→ Collected data entries
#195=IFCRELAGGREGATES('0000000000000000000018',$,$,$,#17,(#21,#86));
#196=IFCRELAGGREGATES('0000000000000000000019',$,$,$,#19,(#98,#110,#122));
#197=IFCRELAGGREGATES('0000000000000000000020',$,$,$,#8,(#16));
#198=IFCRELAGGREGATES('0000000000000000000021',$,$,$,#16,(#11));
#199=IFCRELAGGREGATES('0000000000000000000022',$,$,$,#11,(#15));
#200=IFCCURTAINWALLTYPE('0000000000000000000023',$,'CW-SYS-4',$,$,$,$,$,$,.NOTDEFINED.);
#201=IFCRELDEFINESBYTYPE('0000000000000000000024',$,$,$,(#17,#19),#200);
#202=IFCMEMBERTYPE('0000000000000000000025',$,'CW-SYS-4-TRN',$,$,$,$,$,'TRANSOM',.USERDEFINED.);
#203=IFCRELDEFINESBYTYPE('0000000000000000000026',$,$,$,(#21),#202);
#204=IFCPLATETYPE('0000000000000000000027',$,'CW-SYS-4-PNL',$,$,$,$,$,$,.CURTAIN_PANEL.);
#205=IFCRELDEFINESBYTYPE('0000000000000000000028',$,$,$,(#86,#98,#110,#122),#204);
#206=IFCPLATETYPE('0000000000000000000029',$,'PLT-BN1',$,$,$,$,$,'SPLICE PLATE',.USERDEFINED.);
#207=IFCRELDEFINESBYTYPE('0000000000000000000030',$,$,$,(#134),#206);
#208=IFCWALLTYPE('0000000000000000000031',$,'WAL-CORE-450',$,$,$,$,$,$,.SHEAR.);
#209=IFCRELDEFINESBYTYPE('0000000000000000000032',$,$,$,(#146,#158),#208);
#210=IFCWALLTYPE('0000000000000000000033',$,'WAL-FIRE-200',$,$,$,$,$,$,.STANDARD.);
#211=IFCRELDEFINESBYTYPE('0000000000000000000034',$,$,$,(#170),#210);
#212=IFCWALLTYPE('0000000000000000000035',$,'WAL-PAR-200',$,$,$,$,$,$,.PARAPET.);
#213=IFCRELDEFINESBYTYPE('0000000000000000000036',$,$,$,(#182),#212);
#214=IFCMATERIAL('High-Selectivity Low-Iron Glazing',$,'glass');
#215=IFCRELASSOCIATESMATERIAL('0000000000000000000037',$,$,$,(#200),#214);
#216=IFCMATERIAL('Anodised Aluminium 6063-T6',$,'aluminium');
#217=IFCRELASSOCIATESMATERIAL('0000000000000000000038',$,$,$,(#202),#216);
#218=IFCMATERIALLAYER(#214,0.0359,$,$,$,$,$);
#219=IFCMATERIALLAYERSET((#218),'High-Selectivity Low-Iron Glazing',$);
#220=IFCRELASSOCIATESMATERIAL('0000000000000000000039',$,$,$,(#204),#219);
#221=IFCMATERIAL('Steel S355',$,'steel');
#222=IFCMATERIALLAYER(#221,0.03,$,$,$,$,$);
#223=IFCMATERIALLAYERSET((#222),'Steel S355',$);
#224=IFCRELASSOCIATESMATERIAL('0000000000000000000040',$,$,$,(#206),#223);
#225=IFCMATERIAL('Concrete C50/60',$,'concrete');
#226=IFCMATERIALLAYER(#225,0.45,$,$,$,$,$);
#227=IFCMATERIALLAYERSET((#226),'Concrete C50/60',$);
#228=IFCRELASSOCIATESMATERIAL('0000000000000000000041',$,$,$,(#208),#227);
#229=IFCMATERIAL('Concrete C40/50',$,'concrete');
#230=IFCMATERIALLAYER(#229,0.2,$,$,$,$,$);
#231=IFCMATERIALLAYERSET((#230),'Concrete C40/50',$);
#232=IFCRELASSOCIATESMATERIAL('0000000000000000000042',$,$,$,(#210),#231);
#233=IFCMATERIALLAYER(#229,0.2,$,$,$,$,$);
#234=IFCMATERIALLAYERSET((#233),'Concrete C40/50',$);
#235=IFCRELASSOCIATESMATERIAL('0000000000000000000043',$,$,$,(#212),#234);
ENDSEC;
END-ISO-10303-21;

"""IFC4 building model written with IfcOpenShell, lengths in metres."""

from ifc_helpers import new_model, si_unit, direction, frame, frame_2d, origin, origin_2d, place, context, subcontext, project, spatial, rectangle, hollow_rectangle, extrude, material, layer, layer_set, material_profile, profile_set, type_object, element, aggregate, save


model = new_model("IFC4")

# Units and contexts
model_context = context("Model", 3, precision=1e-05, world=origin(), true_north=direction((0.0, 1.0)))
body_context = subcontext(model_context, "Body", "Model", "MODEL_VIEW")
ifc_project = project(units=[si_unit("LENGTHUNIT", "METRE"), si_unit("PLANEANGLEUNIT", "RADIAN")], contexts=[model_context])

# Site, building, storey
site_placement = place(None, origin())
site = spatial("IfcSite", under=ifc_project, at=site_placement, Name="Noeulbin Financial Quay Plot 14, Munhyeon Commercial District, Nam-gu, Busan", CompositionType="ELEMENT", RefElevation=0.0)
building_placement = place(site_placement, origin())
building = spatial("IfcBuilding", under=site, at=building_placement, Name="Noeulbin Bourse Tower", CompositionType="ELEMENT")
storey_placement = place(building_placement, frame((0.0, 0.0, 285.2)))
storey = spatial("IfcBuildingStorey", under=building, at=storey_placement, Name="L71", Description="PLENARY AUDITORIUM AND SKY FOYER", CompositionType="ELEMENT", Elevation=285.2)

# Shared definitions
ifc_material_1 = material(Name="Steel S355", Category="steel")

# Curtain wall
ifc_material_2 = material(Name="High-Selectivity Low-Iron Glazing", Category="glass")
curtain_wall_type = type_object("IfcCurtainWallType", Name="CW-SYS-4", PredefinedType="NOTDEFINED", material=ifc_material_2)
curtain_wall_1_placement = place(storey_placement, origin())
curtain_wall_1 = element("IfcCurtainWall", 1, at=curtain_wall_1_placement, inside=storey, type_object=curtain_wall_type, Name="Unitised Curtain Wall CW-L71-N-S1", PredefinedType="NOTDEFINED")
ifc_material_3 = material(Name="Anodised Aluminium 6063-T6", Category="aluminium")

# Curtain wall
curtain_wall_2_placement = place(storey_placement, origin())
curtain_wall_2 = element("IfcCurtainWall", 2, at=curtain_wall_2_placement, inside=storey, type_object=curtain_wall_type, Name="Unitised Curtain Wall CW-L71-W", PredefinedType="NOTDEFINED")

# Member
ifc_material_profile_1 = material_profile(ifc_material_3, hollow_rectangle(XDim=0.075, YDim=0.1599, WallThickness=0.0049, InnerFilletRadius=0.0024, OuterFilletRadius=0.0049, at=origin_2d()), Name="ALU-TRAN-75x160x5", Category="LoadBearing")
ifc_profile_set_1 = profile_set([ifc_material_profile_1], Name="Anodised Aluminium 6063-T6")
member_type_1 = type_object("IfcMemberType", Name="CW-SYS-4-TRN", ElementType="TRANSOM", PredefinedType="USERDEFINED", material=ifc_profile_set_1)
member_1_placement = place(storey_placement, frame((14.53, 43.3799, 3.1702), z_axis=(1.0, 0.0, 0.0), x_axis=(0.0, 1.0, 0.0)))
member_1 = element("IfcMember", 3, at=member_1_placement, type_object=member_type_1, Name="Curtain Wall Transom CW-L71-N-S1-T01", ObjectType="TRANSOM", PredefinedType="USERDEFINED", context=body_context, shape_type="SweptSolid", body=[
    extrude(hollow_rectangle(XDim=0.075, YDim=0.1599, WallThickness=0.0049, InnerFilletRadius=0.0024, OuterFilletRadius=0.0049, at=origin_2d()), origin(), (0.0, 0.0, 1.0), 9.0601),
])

→ TASK PROMPT
After locating the line that contains "#222=IFCMATERIALLAYER(#221,0.03,$,$,$,$,$);", please copy exactly every line from the start of the records through it, and nothing else.

→ OUTPUT
#195=IFCRELAGGREGATES('0000000000000000000018',$,$,$,#17,(#21,#86));
#196=IFCRELAGGREGATES('0000000000000000000019',$,$,$,#19,(#98,#110,#122));
#197=IFCRELAGGREGATES('0000000000000000000020',$,$,$,#8,(#16));
#198=IFCRELAGGREGATES('0000000000000000000021',$,$,$,#16,(#11));
#199=IFCRELAGGREGATES('0000000000000000000022',$,$,$,#11,(#15));
#200=IFCCURTAINWALLTYPE('0000000000000000000023',$,'CW-SYS-4',$,$,$,$,$,$,.NOTDEFINED.);
#201=IFCRELDEFINESBYTYPE('0000000000000000000024',$,$,$,(#17,#19),#200);
#202=IFCMEMBERTYPE('0000000000000000000025',$,'CW-SYS-4-TRN',$,$,$,$,$,'TRANSOM',.USERDEFINED.);
#203=IFCRELDEFINESBYTYPE('0000000000000000000026',$,$,$,(#21),#202);
#204=IFCPLATETYPE('0000000000000000000027',$,'CW-SYS-4-PNL',$,$,$,$,$,$,.CURTAIN_PANEL.);
#205=IFCRELDEFINESBYTYPE('0000000000000000000028',$,$,$,(#86,#98,#110,#122),#204);
#206=IFCPLATETYPE('0000000000000000000029',$,'PLT-BN1',$,$,$,$,$,'SPLICE PLATE',.USERDEFINED.);
#207=IFCRELDEFINESBYTYPE('0000000000000000000030',$,$,$,(#134),#206);
#208=IFCWALLTYPE('0000000000000000000031',$,'WAL-CORE-450',$,$,$,$,$,$,.SHEAR.);
#209=IFCRELDEFINESBYTYPE('0000000000000000000032',$,$,$,(#146,#158),#208);
#210=IFCWALLTYPE('0000000000000000000033',$,'WAL-FIRE-200',$,$,$,$,$,$,.STANDARD.);
#211=IFCRELDEFINESBYTYPE('0000000000000000000034',$,$,$,(#170),#210);
#212=IFCWALLTYPE('0000000000000000000035',$,'WAL-PAR-200',$,$,$,$,$,$,.PARAPET.);
#213=IFCRELDEFINESBYTYPE('0000000000000000000036',$,$,$,(#182),#212);
#214=IFCMATERIAL('High-Selectivity Low-Iron Glazing',$,'glass');
#215=IFCRELASSOCIATESMATERIAL('0000000000000000000037',$,$,$,(#200),#214);
#216=IFCMATERIAL('Anodised Aluminium 6063-T6',$,'aluminium');
#217=IFCRELASSOCIATESMATERIAL('0000000000000000000038',$,$,$,(#202),#216);
#218=IFCMATERIALLAYER(#214,0.0359,$,$,$,$,$);
#219=IFCMATERIALLAYERSET((#218),'High-Selectivity Low-Iron Glazing',$);
#220=IFCRELASSOCIATESMATERIAL('0000000000000000000039',$,$,$,(#204),#219);
#221=IFCMATERIAL('Steel S355',$,'steel');
#222=IFCMATERIALLAYER(#221,0.03,$,$,$,$,$);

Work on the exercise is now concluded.